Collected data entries
◆ ◆ ◆

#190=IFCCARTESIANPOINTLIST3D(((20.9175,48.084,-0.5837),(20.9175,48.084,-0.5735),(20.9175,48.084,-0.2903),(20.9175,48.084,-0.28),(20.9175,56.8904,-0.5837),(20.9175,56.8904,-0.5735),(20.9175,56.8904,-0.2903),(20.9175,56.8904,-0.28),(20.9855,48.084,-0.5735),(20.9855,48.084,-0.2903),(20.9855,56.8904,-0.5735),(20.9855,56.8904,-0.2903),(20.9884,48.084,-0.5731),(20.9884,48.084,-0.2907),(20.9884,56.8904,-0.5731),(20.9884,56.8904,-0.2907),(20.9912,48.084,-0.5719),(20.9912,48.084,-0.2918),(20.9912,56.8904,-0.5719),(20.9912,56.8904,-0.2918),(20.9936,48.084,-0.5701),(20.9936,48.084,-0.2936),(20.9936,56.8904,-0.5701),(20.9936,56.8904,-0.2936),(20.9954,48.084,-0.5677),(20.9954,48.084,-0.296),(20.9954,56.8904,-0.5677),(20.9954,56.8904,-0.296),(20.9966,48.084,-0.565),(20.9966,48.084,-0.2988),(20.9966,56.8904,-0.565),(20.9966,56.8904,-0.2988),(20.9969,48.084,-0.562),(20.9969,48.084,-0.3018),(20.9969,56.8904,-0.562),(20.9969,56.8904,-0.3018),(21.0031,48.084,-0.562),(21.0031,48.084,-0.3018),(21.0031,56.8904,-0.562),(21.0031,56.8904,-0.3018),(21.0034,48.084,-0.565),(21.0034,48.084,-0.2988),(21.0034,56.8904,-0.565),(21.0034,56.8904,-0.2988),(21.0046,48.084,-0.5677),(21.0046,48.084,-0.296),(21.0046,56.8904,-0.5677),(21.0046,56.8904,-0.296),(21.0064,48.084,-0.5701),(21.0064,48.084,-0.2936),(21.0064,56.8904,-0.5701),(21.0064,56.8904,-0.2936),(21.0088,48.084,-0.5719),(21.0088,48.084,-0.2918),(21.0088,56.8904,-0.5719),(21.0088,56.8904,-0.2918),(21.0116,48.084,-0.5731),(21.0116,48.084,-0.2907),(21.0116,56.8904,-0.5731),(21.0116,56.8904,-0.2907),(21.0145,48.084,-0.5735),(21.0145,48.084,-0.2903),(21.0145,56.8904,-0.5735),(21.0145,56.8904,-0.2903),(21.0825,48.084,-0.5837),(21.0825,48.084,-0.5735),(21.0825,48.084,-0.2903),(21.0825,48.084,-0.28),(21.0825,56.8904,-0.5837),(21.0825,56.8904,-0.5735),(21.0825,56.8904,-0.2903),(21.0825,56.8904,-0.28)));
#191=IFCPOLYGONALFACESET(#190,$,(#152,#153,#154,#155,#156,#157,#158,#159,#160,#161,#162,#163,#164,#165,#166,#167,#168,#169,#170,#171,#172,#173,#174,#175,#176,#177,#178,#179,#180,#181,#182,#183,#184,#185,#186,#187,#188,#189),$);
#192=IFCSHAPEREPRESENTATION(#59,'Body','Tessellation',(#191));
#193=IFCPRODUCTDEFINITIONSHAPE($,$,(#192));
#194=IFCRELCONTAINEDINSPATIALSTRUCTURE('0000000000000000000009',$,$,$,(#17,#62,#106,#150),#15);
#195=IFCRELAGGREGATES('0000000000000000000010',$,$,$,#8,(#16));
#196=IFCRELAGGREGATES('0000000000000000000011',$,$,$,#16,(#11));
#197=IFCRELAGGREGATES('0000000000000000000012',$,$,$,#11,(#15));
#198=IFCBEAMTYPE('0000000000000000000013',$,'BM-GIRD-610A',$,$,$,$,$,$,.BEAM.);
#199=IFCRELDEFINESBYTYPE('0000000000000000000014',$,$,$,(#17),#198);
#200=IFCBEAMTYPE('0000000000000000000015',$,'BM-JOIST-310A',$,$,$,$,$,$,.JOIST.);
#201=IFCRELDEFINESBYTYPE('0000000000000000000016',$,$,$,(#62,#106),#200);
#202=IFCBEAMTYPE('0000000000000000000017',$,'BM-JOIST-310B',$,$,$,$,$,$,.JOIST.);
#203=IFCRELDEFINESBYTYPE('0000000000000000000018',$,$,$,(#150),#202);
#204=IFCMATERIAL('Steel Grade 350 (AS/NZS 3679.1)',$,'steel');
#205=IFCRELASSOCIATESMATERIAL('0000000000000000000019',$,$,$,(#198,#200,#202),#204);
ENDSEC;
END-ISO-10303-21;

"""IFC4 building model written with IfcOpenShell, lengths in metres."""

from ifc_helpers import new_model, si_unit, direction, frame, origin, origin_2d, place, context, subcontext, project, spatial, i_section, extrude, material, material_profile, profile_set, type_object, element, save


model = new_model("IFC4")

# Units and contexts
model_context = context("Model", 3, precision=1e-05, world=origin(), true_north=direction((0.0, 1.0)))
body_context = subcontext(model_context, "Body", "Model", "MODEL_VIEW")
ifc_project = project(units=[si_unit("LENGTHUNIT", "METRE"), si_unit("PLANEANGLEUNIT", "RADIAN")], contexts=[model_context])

◆ ◆ ◆

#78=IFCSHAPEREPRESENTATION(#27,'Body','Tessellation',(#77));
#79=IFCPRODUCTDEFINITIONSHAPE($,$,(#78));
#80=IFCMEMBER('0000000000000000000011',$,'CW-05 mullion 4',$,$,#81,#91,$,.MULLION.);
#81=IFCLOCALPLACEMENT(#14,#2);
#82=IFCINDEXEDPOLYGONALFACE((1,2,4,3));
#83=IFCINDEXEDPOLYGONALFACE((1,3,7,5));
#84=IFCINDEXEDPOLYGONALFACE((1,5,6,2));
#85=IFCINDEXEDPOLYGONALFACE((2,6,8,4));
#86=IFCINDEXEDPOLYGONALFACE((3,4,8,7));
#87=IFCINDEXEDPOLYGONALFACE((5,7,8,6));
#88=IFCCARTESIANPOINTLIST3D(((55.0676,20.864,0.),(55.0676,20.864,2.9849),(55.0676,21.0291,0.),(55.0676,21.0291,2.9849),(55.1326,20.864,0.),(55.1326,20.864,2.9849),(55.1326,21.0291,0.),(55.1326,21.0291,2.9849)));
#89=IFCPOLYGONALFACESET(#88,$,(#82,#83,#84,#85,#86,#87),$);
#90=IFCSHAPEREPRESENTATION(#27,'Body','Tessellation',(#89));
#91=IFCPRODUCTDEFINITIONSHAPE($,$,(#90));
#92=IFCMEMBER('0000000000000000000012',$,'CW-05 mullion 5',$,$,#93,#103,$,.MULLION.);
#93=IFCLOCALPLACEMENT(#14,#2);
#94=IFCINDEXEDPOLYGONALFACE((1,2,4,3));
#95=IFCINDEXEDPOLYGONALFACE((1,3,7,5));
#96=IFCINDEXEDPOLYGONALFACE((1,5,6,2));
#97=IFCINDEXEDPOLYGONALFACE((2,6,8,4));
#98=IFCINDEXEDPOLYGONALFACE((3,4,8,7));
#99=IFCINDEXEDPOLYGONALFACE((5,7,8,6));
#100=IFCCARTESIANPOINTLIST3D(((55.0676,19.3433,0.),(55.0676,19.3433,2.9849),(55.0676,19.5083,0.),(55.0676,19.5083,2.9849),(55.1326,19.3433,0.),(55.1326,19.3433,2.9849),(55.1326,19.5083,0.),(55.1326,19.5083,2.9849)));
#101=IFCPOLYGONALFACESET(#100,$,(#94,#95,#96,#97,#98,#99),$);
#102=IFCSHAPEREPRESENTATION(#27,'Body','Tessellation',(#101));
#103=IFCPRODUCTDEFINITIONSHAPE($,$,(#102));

◆ ◆ ◆

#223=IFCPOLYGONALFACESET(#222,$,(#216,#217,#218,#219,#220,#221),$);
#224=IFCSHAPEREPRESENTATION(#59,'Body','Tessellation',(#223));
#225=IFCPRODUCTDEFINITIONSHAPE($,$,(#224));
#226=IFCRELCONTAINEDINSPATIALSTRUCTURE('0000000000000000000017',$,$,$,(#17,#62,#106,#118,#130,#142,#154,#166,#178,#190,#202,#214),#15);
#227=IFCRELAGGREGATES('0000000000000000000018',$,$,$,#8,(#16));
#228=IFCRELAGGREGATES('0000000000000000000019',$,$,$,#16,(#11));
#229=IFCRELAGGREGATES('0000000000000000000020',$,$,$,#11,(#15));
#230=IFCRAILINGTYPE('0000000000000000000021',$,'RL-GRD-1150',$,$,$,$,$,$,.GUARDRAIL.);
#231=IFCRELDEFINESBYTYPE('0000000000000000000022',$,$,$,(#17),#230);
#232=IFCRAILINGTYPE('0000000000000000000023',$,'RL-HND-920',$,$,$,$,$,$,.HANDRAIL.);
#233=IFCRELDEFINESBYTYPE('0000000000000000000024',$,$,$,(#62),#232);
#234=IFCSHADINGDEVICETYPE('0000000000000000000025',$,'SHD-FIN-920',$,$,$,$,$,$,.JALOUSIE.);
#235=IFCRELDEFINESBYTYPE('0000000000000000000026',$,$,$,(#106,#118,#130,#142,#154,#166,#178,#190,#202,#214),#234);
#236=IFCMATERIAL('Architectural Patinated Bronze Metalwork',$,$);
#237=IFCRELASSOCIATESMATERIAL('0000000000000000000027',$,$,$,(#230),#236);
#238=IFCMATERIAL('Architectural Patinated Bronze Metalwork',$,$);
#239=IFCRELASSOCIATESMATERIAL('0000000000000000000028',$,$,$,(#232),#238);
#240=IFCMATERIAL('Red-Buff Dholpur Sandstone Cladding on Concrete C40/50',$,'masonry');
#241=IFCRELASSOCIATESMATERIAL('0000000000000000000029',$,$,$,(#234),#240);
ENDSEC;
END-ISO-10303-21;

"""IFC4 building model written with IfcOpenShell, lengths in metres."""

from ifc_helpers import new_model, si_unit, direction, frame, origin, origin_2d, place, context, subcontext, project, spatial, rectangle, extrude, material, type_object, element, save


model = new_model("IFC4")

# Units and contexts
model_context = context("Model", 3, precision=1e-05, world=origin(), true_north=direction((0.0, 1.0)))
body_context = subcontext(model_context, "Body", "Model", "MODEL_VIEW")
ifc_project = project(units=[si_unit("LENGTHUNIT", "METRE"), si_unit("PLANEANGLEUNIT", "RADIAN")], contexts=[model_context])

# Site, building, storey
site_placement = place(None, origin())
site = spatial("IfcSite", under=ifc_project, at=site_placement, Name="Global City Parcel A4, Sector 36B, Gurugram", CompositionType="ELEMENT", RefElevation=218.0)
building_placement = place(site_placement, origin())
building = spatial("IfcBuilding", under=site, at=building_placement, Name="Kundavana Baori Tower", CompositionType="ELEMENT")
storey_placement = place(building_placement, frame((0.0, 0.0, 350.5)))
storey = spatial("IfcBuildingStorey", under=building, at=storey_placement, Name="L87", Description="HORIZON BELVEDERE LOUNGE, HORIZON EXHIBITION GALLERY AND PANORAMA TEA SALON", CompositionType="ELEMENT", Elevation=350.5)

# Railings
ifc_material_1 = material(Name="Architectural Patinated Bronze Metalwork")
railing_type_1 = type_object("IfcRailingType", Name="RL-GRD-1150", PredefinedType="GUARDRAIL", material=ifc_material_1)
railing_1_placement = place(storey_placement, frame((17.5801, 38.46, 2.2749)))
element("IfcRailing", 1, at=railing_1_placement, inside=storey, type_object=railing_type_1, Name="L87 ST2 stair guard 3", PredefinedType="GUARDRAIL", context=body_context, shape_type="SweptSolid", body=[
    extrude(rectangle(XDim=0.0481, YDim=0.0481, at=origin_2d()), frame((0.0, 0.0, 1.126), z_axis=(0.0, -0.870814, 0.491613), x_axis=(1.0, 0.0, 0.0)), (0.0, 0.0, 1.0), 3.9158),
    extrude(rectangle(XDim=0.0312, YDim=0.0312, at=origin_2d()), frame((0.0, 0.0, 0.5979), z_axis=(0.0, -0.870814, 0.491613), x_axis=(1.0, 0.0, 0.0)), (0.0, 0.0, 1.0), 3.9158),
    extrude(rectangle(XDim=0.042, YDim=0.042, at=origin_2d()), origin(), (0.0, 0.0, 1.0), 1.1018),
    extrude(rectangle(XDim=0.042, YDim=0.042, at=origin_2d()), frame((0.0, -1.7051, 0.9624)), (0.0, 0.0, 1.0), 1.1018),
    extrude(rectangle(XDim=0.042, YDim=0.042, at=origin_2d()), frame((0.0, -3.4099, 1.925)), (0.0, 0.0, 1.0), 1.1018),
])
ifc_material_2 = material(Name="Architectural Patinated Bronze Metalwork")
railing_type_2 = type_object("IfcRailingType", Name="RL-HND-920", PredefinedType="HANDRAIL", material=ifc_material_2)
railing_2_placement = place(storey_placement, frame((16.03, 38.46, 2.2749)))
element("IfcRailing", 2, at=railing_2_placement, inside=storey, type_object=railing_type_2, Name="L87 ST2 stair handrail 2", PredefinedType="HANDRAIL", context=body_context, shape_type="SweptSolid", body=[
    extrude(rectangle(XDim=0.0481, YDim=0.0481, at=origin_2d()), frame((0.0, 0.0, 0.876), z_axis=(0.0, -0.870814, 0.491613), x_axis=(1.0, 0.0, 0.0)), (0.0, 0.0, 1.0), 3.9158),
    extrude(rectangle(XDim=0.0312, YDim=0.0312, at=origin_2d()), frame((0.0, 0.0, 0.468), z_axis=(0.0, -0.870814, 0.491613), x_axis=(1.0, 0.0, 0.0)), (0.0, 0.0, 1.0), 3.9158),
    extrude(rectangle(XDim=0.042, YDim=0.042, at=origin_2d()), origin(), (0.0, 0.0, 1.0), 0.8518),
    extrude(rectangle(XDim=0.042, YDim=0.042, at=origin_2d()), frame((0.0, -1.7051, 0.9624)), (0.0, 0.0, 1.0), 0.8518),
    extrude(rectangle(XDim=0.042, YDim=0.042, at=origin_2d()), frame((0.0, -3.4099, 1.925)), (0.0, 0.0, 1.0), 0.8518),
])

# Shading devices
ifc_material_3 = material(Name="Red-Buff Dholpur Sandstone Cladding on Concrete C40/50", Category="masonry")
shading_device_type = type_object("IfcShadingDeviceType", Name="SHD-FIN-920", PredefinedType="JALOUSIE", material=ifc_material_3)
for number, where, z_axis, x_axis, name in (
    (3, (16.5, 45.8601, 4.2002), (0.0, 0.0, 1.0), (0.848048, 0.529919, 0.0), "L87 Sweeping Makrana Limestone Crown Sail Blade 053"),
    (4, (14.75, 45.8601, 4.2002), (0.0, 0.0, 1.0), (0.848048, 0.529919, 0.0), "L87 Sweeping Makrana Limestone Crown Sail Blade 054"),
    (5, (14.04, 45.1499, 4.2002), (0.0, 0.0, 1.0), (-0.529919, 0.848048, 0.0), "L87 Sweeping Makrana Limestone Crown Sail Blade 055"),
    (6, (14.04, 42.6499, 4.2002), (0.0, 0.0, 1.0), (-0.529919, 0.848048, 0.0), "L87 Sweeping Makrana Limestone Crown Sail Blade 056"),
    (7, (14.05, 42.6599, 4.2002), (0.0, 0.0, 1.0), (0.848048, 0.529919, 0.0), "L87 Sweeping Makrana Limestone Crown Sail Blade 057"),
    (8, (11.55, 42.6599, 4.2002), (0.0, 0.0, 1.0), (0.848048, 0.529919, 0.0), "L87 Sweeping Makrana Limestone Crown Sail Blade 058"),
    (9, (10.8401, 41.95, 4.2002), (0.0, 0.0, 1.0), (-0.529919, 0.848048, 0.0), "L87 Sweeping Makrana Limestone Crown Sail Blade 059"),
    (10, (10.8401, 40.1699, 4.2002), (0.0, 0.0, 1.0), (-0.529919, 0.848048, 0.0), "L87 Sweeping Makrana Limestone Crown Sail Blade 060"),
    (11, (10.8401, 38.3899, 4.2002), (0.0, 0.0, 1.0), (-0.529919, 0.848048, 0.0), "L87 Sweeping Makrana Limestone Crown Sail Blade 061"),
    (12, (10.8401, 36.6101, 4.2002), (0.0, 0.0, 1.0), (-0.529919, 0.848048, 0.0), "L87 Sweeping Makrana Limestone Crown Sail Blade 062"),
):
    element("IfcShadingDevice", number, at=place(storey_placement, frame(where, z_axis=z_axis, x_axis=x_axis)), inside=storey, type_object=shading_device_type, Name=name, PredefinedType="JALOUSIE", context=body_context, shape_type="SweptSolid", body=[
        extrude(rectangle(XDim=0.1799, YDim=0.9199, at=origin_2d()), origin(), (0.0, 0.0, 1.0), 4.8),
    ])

◆ ◆ ◆

# [Work request]
Extract from the records above the lines from the one containing "Parcel A4, Sector" to the one containing "ST2 stair guard", both lines included, exactly as they appear and with nothing else.

# [Completed task]
site = spatial("IfcSite", under=ifc_project, at=site_placement, Name="Global City Parcel A4, Sector 36B, Gurugram", CompositionType="ELEMENT", RefElevation=218.0)
building_placement = place(site_placement, origin())
building = spatial("IfcBuilding", under=site, at=building_placement, Name="Kundavana Baori Tower", CompositionType="ELEMENT")
storey_placement = place(building_placement, frame((0.0, 0.0, 350.5)))
storey = spatial("IfcBuildingStorey", under=building, at=storey_placement, Name="L87", Description="HORIZON BELVEDERE LOUNGE, HORIZON EXHIBITION GALLERY AND PANORAMA TEA SALON", CompositionType="ELEMENT", Elevation=350.5)

# Railings
ifc_material_1 = material(Name="Architectural Patinated Bronze Metalwork")
railing_type_1 = type_object("IfcRailingType", Name="RL-GRD-1150", PredefinedType="GUARDRAIL", material=ifc_material_1)
railing_1_placement = place(storey_placement, frame((17.5801, 38.46, 2.2749)))
element("IfcRailing", 1, at=railing_1_placement, inside=storey, type_object=railing_type_1, Name="L87 ST2 stair guard 3", PredefinedType="GUARDRAIL", context=body_context, shape_type="SweptSolid", body=[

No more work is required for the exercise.